__Data records__:
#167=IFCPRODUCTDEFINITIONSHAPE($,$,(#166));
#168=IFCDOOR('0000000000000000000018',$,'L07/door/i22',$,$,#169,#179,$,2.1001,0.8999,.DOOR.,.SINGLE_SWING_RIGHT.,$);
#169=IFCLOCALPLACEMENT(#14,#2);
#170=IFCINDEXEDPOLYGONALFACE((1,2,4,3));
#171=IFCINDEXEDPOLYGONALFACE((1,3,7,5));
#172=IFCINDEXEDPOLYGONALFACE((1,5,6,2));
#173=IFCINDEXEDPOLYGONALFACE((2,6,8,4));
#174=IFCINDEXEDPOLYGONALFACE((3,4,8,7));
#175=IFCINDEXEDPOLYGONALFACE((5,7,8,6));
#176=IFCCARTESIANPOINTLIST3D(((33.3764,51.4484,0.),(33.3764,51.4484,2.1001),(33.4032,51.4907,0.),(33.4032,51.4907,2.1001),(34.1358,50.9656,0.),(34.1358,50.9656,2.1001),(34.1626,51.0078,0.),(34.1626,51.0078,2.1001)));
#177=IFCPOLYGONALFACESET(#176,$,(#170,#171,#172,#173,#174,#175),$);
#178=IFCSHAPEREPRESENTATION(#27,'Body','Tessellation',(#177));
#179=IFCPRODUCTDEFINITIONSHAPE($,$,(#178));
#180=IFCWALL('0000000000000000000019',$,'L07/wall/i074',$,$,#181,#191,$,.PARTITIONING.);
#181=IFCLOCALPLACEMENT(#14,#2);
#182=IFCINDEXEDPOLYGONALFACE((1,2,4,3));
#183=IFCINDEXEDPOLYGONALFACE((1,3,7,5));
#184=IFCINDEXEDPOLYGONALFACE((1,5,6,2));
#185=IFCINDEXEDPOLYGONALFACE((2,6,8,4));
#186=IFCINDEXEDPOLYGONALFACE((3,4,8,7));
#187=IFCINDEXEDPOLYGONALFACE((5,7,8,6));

__Task instructions__:
Go through the entries above and write each one out exactly.

__Finished task__:
#167=IFCPRODUCTDEFINITIONSHAPE($,$,(#166));
#168=IFCDOOR('0000000000000000000018',$,'L07/door/i22',$,$,#169,#179,$,2.1001,0.8999,.DOOR.,.SINGLE_SWING_RIGHT.,$);
#169=IFCLOCALPLACEMENT(#14,#2);
#170=IFCINDEXEDPOLYGONALFACE((1,2,4,3));
#171=IFCINDEXEDPOLYGONALFACE((1,3,7,5));
#172=IFCINDEXEDPOLYGONALFACE((1,5,6,2));
#173=IFCINDEXEDPOLYGONALFACE((2,6,8,4));
#174=IFCINDEXEDPOLYGONALFACE((3,4,8,7));
#175=IFCINDEXEDPOLYGONALFACE((5,7,8,6));
#176=IFCCARTESIANPOINTLIST3D(((33.3764,51.4484,0.),(33.3764,51.4484,2.1001),(33.4032,51.4907,0.),(33.4032,51.4907,2.1001),(34.1358,50.9656,0.),(34.1358,50.9656,2.1001),(34.1626,51.0078,0.),(34.1626,51.0078,2.1001)));
#177=IFCPOLYGONALFACESET(#176,$,(#170,#171,#172,#173,#174,#175),$);
#178=IFCSHAPEREPRESENTATION(#27,'Body','Tessellation',(#177));
#179=IFCPRODUCTDEFINITIONSHAPE($,$,(#178));
#180=IFCWALL('0000000000000000000019',$,'L07/wall/i074',$,$,#181,#191,$,.PARTITIONING.);
#181=IFCLOCALPLACEMENT(#14,#2);
#182=IFCINDEXEDPOLYGONALFACE((1,2,4,3));
#183=IFCINDEXEDPOLYGONALFACE((1,3,7,5));
#184=IFCINDEXEDPOLYGONALFACE((1,5,6,2));
#185=IFCINDEXEDPOLYGONALFACE((2,6,8,4));
#186=IFCINDEXEDPOLYGONALFACE((3,4,8,7));
#187=IFCINDEXEDPOLYGONALFACE((5,7,8,6));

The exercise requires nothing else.